WHAT THE TASK REQUIRES. Repeat the lines from the line with "#174=IFCINDEXEDPOLYGONALFACE((25,26,30,29));" to the line with "#179=IFCINDEXEDPOLYGONALFACE((37,38,40,39));" in the listing below, keeping both end lines and adding nothing.

DATASET RECORDS.
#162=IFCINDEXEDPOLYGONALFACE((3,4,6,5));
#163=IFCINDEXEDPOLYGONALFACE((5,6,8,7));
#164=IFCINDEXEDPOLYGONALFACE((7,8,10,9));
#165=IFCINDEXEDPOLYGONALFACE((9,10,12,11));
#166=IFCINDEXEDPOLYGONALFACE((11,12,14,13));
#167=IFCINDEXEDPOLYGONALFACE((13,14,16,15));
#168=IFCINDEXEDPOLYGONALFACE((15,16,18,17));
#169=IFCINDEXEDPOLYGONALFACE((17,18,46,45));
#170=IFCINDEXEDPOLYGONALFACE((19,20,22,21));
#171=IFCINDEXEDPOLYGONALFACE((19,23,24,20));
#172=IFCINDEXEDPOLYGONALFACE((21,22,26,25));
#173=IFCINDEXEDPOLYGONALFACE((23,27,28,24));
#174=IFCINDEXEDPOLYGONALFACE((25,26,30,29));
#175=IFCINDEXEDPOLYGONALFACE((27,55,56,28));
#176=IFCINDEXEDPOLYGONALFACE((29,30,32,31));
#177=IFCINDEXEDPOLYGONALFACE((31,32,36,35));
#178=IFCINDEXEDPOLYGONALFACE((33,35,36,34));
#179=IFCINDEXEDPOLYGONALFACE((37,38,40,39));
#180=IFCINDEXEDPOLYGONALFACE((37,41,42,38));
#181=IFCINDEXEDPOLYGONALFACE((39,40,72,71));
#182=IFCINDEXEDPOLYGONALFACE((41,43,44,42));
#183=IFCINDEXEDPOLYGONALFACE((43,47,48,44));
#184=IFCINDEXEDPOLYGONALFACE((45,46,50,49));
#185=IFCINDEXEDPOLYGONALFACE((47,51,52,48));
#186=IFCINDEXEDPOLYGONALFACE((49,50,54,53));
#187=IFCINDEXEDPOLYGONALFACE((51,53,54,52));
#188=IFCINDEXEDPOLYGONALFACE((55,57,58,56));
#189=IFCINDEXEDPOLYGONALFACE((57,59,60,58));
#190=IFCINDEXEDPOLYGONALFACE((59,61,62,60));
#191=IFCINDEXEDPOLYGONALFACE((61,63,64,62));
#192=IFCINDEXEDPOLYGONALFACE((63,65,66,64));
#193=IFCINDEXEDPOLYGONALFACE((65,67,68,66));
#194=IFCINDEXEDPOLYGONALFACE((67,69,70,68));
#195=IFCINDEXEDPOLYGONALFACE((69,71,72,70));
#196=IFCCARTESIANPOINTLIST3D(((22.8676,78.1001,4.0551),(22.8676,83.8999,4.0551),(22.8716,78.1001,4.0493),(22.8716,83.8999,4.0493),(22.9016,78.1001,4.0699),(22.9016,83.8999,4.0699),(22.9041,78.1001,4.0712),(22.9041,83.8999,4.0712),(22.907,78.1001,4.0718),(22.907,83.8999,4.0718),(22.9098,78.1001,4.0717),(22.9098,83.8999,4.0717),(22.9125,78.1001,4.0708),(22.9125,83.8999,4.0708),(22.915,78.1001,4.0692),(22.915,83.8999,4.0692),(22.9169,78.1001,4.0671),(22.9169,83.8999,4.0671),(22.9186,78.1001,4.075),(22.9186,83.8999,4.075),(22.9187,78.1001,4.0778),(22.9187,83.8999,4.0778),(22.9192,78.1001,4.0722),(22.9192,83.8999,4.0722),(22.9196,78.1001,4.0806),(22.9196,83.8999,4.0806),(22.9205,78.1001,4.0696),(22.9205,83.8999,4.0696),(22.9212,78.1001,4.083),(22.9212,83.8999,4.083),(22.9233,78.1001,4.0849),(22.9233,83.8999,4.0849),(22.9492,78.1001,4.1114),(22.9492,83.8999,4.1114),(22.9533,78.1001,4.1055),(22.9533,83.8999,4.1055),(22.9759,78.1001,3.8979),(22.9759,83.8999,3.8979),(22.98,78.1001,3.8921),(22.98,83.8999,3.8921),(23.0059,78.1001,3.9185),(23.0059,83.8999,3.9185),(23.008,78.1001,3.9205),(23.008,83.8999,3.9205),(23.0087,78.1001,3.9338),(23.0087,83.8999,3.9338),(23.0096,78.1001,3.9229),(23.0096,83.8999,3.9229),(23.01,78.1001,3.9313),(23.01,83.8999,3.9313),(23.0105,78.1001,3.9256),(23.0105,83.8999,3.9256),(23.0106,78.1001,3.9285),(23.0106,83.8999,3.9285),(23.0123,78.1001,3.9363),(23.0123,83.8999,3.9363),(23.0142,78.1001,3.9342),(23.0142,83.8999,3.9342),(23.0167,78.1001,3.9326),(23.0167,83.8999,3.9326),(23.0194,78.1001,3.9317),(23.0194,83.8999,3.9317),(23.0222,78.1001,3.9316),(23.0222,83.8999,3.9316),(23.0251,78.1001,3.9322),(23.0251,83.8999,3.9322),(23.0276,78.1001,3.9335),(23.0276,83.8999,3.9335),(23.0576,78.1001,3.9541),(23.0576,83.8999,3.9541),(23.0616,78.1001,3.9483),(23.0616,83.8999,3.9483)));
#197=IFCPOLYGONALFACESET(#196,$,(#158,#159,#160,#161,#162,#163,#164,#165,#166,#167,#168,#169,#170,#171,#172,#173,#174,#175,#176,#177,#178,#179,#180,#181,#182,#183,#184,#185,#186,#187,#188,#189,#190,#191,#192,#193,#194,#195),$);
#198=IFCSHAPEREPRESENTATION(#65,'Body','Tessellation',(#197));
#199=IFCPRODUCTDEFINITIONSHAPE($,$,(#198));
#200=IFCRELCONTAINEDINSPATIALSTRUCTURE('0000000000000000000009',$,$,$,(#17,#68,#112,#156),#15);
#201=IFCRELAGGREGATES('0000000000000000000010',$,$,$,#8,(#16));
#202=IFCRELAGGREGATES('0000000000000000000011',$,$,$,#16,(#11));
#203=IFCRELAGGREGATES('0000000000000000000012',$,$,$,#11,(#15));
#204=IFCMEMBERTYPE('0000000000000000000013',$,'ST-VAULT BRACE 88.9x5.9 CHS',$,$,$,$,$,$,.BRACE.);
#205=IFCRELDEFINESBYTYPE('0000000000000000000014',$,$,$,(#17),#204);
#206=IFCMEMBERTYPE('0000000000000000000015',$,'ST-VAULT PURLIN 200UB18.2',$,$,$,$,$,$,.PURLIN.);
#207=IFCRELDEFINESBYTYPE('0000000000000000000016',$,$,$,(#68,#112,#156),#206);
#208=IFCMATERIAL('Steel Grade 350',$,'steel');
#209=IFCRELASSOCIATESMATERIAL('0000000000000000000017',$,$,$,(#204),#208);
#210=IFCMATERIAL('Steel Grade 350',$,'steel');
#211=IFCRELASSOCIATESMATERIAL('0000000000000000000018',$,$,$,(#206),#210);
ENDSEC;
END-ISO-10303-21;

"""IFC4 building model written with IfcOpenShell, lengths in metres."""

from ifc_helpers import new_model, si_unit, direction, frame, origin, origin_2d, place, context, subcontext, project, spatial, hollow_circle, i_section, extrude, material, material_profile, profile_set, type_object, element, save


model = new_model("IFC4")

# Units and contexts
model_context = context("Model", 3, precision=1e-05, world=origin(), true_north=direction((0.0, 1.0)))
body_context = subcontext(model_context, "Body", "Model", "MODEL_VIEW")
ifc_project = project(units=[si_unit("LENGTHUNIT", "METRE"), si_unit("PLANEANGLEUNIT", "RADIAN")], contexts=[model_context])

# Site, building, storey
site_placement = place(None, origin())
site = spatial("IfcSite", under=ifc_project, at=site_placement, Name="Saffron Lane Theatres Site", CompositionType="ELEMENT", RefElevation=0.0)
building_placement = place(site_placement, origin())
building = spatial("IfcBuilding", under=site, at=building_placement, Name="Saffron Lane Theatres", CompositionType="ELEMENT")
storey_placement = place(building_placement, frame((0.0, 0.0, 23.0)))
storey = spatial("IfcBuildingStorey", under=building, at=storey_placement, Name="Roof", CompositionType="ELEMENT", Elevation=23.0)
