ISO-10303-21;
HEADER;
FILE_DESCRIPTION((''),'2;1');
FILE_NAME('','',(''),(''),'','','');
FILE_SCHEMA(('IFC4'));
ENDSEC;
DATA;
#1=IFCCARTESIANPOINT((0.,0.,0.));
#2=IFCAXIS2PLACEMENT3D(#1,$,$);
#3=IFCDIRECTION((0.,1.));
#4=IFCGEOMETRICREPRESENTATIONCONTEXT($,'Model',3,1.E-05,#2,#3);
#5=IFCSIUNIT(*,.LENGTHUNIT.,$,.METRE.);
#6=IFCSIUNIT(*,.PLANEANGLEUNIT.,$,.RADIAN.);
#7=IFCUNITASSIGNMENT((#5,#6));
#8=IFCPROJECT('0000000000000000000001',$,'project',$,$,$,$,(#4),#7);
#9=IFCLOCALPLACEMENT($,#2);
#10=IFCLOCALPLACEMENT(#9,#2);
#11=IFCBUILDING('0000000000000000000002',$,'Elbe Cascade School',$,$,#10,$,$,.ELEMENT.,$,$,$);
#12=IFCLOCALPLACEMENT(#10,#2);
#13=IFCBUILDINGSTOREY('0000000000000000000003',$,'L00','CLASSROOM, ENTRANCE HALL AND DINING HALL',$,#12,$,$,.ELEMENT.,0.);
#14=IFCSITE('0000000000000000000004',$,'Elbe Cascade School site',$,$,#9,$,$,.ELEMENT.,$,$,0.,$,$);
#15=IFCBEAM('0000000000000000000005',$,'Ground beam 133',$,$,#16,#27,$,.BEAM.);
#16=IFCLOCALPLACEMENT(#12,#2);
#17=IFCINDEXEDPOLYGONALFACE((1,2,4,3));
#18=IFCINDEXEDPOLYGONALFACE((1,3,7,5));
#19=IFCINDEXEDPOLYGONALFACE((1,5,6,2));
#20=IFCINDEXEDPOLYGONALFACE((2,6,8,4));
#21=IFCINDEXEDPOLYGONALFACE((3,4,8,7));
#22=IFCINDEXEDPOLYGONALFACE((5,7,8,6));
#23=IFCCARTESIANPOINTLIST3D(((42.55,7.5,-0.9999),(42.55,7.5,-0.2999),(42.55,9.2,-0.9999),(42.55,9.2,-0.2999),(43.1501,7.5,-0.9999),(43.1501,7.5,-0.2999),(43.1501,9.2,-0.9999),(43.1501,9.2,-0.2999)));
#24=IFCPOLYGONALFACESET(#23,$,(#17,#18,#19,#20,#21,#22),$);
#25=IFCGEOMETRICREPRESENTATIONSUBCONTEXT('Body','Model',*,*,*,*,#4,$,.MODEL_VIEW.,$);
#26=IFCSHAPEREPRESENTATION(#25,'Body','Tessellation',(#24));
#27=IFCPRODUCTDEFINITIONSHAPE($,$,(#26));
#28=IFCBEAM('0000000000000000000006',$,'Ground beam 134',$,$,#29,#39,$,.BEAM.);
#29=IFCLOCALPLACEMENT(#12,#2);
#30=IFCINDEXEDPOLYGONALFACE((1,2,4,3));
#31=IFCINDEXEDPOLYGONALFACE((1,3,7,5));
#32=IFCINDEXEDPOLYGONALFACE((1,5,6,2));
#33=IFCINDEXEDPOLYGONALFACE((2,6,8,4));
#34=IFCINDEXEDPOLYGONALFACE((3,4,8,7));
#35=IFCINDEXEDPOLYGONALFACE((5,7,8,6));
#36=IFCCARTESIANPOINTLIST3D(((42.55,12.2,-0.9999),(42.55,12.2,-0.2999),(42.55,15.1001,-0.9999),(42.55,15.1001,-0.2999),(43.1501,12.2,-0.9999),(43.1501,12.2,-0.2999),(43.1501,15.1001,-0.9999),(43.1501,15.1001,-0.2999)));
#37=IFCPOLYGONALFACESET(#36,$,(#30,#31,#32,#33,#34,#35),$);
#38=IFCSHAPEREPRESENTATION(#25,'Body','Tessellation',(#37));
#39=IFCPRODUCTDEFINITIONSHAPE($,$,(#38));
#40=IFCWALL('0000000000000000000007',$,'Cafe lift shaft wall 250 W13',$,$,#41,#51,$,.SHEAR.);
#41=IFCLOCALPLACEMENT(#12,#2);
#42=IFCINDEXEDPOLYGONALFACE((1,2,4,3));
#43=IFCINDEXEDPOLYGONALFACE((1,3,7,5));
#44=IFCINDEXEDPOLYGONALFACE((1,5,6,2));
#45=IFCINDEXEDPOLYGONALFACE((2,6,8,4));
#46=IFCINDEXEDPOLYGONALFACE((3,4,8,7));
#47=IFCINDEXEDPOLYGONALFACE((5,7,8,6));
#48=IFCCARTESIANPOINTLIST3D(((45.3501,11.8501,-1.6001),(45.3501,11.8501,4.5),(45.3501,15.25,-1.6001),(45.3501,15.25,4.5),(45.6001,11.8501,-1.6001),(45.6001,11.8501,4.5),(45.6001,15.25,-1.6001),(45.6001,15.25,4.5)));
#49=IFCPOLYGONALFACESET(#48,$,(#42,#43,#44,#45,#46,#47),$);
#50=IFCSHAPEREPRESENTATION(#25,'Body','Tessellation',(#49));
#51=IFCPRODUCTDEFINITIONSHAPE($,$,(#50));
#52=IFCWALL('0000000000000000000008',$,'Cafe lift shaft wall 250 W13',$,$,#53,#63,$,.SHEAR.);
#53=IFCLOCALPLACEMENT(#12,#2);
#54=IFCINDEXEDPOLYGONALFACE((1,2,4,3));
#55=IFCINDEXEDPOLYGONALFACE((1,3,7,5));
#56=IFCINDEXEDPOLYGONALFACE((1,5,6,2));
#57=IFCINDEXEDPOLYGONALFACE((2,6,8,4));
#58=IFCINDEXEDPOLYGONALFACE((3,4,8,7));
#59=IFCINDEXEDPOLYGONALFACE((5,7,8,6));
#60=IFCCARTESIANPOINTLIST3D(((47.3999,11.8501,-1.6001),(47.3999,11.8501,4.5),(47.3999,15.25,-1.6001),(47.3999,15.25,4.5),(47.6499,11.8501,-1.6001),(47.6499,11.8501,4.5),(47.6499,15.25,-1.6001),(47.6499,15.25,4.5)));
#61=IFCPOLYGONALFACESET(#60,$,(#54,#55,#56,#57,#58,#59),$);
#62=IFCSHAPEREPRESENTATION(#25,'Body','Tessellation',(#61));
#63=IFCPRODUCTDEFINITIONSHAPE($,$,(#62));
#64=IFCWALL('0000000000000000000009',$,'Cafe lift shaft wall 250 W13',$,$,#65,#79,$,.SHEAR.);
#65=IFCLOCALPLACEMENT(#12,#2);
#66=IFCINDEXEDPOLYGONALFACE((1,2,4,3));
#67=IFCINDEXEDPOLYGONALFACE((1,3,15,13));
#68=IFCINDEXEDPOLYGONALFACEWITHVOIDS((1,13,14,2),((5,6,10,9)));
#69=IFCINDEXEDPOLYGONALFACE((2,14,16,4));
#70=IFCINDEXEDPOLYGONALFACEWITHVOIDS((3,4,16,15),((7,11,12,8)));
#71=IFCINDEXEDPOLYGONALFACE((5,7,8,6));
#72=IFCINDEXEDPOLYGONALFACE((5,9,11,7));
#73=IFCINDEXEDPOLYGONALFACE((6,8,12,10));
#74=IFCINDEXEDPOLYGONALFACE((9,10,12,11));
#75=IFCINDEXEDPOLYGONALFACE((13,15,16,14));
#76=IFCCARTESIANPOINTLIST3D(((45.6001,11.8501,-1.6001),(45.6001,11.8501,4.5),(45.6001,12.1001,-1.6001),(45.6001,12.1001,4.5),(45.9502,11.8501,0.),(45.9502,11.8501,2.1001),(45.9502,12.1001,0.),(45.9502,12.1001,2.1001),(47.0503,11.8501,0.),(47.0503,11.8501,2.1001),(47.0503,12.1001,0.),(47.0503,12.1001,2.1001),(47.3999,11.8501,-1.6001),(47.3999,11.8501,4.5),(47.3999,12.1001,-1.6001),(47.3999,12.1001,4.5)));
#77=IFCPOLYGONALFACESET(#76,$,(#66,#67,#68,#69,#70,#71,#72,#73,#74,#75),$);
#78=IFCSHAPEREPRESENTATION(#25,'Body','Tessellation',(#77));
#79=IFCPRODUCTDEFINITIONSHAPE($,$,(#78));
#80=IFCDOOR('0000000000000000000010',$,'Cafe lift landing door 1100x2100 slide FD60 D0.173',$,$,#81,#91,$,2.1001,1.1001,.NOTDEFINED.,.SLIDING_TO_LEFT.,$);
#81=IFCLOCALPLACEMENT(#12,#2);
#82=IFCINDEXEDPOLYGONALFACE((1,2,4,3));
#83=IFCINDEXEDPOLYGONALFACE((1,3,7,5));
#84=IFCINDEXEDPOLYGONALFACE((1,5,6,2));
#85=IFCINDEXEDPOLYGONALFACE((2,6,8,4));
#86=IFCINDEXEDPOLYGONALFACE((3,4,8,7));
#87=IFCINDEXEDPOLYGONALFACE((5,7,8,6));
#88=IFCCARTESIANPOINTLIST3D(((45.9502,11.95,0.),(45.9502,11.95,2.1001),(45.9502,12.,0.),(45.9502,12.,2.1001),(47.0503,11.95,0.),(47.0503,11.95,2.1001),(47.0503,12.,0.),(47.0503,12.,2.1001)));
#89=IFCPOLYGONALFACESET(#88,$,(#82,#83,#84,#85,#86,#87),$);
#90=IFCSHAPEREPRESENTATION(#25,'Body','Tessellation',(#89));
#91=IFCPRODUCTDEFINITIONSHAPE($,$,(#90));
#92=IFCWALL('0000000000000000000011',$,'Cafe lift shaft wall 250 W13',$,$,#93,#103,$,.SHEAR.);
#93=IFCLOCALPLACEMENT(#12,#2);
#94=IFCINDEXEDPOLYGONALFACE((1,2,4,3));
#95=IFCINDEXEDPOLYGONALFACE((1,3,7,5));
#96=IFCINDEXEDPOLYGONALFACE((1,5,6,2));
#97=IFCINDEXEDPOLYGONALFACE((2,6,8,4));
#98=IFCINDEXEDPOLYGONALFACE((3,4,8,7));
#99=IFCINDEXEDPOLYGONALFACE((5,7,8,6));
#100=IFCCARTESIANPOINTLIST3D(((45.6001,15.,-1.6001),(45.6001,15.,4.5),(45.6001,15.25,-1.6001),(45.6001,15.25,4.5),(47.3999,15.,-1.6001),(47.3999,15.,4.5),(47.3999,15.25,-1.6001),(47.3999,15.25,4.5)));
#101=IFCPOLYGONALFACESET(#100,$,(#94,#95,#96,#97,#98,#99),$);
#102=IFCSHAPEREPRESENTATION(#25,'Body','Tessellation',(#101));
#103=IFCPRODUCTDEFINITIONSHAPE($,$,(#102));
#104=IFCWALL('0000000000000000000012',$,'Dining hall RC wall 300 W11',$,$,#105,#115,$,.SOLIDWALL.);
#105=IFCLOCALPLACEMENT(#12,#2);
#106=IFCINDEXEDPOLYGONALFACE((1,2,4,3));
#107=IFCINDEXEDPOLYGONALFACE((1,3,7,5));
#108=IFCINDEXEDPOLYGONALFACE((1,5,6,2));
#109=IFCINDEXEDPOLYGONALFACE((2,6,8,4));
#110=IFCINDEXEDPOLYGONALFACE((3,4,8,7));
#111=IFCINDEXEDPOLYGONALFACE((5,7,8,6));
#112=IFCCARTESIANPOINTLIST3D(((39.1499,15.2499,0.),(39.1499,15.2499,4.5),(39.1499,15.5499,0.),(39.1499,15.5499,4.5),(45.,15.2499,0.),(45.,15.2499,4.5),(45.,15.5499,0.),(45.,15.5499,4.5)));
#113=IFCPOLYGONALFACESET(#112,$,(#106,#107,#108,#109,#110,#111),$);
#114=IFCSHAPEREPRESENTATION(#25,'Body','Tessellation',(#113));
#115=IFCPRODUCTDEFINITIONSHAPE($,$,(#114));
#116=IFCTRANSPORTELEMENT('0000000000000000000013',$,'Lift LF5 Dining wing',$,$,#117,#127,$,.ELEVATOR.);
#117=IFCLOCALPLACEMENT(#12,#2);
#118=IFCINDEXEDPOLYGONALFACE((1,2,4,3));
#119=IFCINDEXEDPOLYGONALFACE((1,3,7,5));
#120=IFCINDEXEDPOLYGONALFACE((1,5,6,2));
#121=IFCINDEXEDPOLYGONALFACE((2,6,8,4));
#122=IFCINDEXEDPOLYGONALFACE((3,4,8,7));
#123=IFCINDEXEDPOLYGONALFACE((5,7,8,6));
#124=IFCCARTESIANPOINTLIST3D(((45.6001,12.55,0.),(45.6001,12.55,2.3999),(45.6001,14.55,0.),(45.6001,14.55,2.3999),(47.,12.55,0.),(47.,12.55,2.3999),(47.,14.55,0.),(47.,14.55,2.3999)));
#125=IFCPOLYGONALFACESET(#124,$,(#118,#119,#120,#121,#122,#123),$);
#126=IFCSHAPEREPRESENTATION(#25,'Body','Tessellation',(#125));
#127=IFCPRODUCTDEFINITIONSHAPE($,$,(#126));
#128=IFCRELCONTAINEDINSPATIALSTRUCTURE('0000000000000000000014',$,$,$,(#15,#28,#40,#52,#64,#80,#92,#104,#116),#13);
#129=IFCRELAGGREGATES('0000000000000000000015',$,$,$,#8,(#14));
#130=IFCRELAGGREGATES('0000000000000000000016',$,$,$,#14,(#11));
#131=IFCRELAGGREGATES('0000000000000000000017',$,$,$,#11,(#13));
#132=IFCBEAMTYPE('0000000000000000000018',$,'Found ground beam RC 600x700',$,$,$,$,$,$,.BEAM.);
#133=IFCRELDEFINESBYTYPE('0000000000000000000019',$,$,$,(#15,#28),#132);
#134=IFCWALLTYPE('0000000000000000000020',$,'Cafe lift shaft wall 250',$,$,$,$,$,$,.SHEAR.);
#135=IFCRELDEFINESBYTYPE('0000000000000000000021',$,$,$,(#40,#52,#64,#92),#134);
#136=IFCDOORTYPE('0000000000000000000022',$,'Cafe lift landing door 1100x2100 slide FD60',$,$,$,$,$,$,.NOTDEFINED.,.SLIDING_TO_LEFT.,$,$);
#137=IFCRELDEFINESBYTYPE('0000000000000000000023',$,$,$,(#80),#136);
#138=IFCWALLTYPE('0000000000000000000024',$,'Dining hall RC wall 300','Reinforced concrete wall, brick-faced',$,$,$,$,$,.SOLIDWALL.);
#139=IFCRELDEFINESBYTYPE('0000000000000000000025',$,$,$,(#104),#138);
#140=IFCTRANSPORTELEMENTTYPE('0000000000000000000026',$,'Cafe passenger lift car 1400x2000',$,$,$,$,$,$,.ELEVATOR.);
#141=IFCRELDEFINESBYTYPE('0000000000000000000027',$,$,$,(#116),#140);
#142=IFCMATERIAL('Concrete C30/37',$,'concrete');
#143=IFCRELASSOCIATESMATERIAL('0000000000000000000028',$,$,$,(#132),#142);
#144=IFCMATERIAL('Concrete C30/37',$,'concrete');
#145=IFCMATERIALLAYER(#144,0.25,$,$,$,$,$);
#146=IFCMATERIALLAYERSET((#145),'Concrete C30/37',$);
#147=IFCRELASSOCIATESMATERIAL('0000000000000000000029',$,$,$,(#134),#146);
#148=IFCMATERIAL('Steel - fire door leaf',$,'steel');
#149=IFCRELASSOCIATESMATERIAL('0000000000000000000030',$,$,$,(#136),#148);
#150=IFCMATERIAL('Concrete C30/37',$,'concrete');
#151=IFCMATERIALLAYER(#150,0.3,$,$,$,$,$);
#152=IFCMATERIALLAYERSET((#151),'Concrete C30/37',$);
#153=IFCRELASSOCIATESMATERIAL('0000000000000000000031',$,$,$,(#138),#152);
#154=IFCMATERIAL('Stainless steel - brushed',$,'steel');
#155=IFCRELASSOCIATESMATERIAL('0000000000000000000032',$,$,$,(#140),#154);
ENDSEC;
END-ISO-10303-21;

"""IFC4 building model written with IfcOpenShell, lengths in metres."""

from ifc_helpers import new_model, si_unit, direction, frame, frame_2d, origin, origin_2d, place, context, subcontext, project, spatial, rectangle, extrude, material, layer, layer_set, material_profile, profile_set, type_object, element, fill, save


model = new_model("IFC4")

# Units and contexts
model_context = context("Model", 3, precision=1e-05, world=origin(), true_north=direction((0.0, 1.0)))
body_context = subcontext(model_context, "Body", "Model", "MODEL_VIEW")
ifc_project = project(units=[si_unit("LENGTHUNIT", "METRE"), si_unit("PLANEANGLEUNIT", "RADIAN")], contexts=[model_context])

# Site, building, storey
site_placement = place(None, origin())
site = spatial("IfcSite", under=ifc_project, at=site_placement, Name="Elbe Cascade School site", CompositionType="ELEMENT", RefElevation=0.0)
building_placement = place(site_placement, origin())
building = spatial("IfcBuilding", under=site, at=building_placement, Name="Elbe Cascade School", CompositionType="ELEMENT")
storey_placement = place(building_placement, origin())
storey = spatial("IfcBuildingStorey", under=building, at=storey_placement, Name="L00", Description="CLASSROOM, ENTRANCE HALL AND DINING HALL", CompositionType="ELEMENT", Elevation=0.0)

RESULT BELOW.
#174=IFCINDEXEDPOLYGONALFACE((25,26,30,29));
#175=IFCINDEXEDPOLYGONALFACE((27,55,56,28));
#176=IFCINDEXEDPOLYGONALFACE((29,30,32,31));
#177=IFCINDEXEDPOLYGONALFACE((31,32,36,35));
#178=IFCINDEXEDPOLYGONALFACE((33,35,36,34));
#179=IFCINDEXEDPOLYGONALFACE((37,38,40,39));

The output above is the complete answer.